**Input data**
********************

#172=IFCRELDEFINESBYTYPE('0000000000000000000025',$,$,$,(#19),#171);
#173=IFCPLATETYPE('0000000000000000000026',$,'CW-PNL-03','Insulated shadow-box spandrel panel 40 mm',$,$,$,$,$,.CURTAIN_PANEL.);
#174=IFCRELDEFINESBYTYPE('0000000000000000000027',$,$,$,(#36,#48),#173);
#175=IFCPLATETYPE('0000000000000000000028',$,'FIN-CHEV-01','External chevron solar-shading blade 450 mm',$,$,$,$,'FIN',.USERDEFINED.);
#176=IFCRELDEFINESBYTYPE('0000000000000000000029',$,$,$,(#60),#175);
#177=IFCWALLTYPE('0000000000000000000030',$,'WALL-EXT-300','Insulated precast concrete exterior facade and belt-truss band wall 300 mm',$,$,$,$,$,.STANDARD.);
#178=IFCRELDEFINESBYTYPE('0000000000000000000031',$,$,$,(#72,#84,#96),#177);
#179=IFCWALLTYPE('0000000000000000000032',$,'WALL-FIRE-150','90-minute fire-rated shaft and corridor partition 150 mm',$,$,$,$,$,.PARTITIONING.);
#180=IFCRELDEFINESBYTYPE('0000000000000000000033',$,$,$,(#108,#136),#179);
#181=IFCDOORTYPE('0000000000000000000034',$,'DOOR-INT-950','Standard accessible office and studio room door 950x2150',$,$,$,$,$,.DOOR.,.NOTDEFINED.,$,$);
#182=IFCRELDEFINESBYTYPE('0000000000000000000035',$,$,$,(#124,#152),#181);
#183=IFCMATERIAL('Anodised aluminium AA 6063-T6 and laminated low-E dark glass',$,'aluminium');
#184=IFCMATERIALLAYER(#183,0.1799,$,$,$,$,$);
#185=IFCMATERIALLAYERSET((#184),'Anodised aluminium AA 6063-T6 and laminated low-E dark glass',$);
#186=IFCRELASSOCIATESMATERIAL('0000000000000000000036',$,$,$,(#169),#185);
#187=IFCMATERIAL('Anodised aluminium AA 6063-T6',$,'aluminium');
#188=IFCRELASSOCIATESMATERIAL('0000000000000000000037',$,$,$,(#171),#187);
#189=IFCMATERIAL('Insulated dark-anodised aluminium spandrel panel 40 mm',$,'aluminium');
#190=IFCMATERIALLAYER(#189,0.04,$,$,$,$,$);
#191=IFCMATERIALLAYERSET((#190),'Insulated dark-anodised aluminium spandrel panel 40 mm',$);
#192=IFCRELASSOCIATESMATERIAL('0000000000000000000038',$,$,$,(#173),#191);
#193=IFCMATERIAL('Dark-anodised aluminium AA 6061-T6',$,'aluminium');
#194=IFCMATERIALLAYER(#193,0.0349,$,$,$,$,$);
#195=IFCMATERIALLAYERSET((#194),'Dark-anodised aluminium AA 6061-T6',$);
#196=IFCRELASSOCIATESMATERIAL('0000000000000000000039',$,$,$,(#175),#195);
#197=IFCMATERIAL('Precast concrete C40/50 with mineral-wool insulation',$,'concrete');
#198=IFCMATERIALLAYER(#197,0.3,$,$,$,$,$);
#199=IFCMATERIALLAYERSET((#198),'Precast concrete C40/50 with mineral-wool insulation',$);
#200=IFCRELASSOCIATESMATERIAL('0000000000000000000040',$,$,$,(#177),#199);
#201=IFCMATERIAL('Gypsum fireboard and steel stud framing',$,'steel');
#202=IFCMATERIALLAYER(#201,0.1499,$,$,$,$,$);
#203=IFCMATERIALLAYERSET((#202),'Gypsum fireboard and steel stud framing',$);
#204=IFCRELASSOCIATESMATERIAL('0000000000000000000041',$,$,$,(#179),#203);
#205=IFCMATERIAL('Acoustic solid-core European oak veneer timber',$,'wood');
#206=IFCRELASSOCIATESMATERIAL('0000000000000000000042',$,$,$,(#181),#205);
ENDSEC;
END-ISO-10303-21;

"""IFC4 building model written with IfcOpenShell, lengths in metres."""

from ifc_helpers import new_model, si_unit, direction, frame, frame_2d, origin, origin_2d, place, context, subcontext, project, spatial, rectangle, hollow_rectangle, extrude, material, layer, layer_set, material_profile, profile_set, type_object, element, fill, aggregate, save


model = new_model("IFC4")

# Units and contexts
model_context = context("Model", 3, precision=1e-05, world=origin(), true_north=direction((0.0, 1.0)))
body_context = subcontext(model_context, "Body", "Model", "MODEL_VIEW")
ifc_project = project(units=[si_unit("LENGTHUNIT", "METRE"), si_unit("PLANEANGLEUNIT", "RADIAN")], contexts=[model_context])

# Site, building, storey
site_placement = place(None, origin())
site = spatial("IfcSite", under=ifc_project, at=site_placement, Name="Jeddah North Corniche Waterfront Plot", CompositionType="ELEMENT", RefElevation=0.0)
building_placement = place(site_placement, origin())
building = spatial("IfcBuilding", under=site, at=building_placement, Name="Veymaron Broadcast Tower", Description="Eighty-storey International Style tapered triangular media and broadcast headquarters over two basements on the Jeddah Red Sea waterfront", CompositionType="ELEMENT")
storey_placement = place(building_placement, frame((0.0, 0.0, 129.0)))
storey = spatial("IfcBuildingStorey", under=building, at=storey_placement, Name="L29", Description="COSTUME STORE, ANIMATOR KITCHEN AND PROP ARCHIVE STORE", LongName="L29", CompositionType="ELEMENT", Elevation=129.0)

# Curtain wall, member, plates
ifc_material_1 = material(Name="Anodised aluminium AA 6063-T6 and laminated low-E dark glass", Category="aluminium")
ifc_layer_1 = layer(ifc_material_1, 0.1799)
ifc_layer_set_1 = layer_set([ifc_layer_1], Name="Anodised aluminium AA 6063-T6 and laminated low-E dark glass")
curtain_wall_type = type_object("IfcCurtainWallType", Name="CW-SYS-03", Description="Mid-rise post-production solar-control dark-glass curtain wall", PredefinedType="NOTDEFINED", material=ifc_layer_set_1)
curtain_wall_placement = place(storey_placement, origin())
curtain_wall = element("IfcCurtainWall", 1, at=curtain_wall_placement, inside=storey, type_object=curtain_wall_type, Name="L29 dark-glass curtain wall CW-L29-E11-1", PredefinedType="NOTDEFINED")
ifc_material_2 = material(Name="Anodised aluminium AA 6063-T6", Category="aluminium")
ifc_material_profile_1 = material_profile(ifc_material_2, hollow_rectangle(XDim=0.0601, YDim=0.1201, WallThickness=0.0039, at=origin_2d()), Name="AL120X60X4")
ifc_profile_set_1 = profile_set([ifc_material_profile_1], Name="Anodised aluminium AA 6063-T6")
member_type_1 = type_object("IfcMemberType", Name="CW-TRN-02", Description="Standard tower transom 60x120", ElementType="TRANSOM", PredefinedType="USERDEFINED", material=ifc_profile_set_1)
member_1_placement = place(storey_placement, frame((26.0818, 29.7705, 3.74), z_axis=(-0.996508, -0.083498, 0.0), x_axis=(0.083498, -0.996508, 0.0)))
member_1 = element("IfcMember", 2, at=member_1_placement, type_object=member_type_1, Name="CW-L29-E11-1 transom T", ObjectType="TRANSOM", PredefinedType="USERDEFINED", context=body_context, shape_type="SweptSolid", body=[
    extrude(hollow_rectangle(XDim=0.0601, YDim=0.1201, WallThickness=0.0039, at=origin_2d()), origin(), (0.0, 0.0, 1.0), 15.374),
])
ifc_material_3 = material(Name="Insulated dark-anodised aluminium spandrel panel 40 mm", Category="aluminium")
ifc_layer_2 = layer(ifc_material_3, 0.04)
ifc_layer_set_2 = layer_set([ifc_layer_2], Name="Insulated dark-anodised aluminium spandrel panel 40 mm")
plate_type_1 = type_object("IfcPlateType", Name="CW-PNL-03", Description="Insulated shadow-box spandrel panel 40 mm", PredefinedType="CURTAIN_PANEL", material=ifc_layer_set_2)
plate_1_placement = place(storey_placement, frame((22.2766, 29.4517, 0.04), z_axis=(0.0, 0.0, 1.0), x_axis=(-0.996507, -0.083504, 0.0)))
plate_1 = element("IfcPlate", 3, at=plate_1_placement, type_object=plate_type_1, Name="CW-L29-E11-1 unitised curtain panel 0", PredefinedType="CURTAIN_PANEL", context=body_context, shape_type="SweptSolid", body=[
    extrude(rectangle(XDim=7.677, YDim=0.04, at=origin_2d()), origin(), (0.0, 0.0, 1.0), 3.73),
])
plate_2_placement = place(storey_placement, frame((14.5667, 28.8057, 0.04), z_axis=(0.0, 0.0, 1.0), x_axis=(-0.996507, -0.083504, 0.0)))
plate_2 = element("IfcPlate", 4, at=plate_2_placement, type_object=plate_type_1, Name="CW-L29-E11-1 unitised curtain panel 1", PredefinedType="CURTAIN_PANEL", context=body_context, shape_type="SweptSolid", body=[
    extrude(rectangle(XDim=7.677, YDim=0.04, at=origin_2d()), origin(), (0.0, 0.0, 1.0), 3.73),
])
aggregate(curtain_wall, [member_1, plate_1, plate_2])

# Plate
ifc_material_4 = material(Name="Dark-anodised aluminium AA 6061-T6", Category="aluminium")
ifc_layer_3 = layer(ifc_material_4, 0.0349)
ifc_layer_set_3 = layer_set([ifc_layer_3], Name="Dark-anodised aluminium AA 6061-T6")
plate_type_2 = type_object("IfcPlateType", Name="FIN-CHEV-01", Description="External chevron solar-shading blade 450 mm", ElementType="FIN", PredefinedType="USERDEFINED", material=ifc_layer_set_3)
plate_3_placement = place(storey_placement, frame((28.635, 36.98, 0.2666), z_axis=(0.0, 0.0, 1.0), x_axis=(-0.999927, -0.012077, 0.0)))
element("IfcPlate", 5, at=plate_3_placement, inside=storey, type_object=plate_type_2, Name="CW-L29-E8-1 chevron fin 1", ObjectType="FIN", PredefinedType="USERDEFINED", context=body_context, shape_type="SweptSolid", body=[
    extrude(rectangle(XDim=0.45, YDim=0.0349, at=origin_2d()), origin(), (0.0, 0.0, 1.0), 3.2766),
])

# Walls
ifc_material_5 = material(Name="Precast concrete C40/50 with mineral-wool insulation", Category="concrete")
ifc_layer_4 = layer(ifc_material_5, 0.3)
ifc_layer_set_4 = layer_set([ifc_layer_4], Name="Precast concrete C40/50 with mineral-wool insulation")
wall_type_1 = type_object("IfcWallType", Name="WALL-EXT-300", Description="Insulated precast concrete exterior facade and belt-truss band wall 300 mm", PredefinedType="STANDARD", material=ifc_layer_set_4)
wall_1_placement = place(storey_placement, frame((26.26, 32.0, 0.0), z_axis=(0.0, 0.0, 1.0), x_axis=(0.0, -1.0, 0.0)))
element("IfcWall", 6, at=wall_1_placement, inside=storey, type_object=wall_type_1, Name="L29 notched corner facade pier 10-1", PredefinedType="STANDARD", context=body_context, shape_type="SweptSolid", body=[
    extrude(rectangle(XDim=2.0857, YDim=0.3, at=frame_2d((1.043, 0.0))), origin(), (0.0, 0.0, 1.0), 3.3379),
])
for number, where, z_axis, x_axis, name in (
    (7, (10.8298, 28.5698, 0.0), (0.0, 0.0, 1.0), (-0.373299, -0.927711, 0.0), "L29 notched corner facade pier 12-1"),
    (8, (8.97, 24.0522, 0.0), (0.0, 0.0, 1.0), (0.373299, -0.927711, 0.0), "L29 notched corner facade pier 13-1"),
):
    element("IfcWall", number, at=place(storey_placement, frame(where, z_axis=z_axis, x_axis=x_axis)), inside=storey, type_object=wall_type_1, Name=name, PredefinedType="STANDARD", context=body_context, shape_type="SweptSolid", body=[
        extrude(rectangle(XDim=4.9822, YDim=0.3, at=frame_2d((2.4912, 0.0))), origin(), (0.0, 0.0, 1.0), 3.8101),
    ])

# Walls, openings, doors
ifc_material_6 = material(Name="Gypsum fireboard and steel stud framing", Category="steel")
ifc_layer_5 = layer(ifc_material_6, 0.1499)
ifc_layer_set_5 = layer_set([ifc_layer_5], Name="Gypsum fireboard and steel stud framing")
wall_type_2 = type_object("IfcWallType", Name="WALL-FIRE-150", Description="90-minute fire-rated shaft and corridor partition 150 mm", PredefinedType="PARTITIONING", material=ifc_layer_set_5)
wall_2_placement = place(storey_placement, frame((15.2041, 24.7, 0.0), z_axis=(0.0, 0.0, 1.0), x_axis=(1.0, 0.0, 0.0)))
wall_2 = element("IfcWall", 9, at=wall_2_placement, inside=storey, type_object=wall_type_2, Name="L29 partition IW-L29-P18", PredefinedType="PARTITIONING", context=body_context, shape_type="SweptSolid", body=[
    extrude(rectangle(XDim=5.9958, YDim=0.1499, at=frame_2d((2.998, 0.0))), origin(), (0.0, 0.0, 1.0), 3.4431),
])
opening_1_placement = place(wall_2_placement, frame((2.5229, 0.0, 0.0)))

********************

**What to produce**
Search the entries above for "WallThickness". Return every line that has it.

**Task output**
ifc_material_profile_1 = material_profile(ifc_material_2, hollow_rectangle(XDim=0.0601, YDim=0.1201, WallThickness=0.0039, at=origin_2d()), Name="AL120X60X4")
    extrude(hollow_rectangle(XDim=0.0601, YDim=0.1201, WallThickness=0.0039, at=origin_2d()), origin(), (0.0, 0.0, 1.0), 15.374),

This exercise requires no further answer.